(Data entries)

# # # # #

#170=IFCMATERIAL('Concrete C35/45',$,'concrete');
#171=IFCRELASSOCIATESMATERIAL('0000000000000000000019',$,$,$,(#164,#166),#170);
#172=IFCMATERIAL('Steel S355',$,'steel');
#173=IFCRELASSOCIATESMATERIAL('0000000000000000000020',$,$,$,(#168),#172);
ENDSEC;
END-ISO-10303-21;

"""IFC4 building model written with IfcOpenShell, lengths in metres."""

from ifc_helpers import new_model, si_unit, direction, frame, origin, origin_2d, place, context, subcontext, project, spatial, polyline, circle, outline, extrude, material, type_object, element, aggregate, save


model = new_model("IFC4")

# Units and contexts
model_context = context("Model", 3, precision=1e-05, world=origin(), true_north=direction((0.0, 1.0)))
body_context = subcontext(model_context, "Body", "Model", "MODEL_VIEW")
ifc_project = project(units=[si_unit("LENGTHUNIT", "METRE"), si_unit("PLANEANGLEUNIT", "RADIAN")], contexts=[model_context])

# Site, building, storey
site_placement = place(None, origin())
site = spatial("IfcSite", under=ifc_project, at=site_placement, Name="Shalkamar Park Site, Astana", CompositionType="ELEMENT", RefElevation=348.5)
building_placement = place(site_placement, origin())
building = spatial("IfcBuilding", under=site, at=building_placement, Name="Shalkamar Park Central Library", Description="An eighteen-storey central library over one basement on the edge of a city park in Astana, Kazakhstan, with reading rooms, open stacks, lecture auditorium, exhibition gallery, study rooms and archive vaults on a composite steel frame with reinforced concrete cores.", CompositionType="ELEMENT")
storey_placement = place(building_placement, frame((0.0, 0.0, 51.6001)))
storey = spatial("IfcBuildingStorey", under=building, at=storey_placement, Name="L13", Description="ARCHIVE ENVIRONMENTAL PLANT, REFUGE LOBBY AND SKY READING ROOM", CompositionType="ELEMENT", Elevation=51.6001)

# # # # #

» **WHAT THE EXERCISE ASKS**
Type out the entries once more, precisely.

» **RESPONSE**
#170=IFCMATERIAL('Concrete C35/45',$,'concrete');
#171=IFCRELASSOCIATESMATERIAL('0000000000000000000019',$,$,$,(#164,#166),#170);
#172=IFCMATERIAL('Steel S355',$,'steel');
#173=IFCRELASSOCIATESMATERIAL('0000000000000000000020',$,$,$,(#168),#172);
ENDSEC;
END-ISO-10303-21;

"""IFC4 building model written with IfcOpenShell, lengths in metres."""

from ifc_helpers import new_model, si_unit, direction, frame, origin, origin_2d, place, context, subcontext, project, spatial, polyline, circle, outline, extrude, material, type_object, element, aggregate, save


model = new_model("IFC4")

# Units and contexts
model_context = context("Model", 3, precision=1e-05, world=origin(), true_north=direction((0.0, 1.0)))
body_context = subcontext(model_context, "Body", "Model", "MODEL_VIEW")
ifc_project = project(units=[si_unit("LENGTHUNIT", "METRE"), si_unit("PLANEANGLEUNIT", "RADIAN")], contexts=[model_context])

# Site, building, storey
site_placement = place(None, origin())
site = spatial("IfcSite", under=ifc_project, at=site_placement, Name="Shalkamar Park Site, Astana", CompositionType="ELEMENT", RefElevation=348.5)
building_placement = place(site_placement, origin())
building = spatial("IfcBuilding", under=site, at=building_placement, Name="Shalkamar Park Central Library", Description="An eighteen-storey central library over one basement on the edge of a city park in Astana, Kazakhstan, with reading rooms, open stacks, lecture auditorium, exhibition gallery, study rooms and archive vaults on a composite steel frame with reinforced concrete cores.", CompositionType="ELEMENT")
storey_placement = place(building_placement, frame((0.0, 0.0, 51.6001)))
storey = spatial("IfcBuildingStorey", under=building, at=storey_placement, Name="L13", Description="ARCHIVE ENVIRONMENTAL PLANT, REFUGE LOBBY AND SKY READING ROOM", CompositionType="ELEMENT", Elevation=51.6001)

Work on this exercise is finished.